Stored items
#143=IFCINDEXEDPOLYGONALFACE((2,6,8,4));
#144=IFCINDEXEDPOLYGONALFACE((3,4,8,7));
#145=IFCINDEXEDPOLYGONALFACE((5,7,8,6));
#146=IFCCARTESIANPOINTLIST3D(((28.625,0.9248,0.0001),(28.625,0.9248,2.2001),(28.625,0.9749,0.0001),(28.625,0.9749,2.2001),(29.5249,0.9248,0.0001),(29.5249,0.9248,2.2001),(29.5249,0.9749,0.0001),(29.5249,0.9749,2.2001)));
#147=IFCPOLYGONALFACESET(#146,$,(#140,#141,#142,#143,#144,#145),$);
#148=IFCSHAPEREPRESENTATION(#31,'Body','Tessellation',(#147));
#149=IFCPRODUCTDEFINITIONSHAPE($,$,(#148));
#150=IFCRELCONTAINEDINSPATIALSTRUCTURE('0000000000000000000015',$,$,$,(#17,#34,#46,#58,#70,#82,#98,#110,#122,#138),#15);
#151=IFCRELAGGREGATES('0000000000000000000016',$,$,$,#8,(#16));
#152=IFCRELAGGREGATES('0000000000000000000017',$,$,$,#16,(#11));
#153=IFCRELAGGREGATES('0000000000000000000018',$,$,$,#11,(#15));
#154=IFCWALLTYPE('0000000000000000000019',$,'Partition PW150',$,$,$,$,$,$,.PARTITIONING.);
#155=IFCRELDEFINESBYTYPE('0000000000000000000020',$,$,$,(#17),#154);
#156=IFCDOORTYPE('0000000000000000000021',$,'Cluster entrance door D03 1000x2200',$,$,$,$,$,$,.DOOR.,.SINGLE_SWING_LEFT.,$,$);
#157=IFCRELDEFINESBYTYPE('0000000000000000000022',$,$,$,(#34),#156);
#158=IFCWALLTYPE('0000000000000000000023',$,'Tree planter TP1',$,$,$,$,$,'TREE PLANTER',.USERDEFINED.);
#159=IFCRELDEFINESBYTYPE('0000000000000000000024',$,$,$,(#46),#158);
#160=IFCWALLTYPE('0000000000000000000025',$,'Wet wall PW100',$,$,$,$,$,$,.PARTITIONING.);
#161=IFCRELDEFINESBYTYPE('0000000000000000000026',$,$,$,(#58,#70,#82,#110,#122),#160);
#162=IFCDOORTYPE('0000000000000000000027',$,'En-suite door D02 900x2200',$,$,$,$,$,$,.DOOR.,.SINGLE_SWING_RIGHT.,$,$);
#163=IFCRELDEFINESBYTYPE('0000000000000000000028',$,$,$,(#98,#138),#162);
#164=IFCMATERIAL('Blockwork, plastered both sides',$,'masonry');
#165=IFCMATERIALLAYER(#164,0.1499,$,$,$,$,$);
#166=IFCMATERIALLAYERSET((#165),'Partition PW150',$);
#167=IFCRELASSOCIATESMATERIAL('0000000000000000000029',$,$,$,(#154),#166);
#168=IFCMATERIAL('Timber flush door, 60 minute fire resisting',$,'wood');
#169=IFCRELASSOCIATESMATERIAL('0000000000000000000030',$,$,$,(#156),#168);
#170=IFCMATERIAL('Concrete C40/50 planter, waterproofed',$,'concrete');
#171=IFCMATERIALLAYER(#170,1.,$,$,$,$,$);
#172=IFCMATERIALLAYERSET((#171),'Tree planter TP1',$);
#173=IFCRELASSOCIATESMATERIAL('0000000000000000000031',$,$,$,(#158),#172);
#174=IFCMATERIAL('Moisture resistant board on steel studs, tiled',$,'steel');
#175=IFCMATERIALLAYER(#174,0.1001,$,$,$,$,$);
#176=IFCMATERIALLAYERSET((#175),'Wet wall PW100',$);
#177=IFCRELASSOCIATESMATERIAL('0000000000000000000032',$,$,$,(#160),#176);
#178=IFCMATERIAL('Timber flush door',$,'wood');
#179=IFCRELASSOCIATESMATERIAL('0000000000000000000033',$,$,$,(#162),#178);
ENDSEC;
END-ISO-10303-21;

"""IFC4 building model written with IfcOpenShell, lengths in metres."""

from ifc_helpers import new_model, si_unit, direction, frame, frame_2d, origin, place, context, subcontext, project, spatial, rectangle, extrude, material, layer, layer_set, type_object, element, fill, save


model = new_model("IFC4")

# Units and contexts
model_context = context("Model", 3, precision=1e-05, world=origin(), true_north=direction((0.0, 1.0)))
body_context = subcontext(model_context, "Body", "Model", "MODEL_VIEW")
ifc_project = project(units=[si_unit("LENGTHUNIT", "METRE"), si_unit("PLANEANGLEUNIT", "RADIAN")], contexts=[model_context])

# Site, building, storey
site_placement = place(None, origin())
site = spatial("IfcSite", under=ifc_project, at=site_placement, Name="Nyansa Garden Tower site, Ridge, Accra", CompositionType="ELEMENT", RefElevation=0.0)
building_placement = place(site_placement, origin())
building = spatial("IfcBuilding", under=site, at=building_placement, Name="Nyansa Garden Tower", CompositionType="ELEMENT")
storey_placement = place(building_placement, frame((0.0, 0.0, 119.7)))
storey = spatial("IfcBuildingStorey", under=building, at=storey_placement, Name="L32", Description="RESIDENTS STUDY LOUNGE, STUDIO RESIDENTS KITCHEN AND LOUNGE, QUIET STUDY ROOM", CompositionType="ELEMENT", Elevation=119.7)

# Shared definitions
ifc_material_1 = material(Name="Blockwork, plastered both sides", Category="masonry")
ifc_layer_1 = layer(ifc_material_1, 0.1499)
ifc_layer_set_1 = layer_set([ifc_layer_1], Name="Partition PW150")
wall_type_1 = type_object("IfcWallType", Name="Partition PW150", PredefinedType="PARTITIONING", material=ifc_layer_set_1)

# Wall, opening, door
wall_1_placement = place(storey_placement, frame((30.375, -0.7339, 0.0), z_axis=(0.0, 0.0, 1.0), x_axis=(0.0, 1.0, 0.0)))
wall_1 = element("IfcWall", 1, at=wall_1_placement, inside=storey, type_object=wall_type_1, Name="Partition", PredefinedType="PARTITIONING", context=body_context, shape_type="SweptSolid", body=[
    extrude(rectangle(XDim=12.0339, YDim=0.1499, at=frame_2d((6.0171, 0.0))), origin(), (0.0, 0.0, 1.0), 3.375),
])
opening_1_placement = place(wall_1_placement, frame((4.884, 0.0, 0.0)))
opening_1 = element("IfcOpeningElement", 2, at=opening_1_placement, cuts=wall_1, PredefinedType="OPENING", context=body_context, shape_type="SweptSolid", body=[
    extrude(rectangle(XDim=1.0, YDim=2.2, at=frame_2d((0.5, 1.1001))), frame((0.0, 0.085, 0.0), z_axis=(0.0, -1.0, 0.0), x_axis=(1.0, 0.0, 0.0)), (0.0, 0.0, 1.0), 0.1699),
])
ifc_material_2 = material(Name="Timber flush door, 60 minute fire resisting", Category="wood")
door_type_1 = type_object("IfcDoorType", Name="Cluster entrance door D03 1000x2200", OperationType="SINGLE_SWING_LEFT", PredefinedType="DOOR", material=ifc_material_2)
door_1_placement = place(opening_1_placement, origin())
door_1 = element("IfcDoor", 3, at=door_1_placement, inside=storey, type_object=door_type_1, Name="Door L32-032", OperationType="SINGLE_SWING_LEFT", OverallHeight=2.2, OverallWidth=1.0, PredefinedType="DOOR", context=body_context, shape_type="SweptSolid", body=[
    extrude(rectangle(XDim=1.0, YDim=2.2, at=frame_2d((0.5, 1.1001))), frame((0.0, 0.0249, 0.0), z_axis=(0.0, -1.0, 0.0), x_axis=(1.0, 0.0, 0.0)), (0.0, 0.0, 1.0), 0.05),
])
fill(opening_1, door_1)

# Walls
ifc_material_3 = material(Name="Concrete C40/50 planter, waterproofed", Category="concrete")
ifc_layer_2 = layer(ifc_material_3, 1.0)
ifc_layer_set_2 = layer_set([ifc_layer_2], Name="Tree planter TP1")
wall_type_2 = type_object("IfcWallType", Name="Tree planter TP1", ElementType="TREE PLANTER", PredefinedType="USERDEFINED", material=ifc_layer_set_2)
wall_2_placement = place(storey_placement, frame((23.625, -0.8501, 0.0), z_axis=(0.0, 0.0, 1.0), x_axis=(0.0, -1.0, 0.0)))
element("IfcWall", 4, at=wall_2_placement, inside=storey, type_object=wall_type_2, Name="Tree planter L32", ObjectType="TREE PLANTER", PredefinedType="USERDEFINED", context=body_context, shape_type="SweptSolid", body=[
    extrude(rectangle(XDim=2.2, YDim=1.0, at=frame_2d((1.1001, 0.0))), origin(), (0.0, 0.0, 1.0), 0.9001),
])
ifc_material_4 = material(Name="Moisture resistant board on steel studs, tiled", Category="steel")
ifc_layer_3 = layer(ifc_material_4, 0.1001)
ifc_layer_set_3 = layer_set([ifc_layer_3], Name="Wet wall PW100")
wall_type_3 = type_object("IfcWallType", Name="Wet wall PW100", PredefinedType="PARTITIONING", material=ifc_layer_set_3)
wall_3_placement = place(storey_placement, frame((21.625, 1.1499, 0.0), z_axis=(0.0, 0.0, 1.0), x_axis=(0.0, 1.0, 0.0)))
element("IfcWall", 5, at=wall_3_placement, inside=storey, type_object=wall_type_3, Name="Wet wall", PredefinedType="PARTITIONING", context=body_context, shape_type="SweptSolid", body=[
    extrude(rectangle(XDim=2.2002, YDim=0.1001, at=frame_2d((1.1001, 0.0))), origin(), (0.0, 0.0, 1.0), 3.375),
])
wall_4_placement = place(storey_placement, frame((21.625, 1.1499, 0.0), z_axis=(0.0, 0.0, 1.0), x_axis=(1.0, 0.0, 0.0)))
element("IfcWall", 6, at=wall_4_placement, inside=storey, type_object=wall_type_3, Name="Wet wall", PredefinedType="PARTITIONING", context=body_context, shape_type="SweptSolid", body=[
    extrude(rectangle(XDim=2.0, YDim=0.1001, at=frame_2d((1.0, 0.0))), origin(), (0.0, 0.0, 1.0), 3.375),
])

**What you are asked to do:**
Beginning with the line that has "from ifc_helpers import" and ending with the line that has "world=origin(), true_north=direction((0.0, 1.0)))", set down the lines above exactly and include no others.

**Problem solution:**
from ifc_helpers import new_model, si_unit, direction, frame, frame_2d, origin, place, context, subcontext, project, spatial, rectangle, extrude, material, layer, layer_set, type_object, element, fill, save


model = new_model("IFC4")

# Units and contexts
model_context = context("Model", 3, precision=1e-05, world=origin(), true_north=direction((0.0, 1.0)))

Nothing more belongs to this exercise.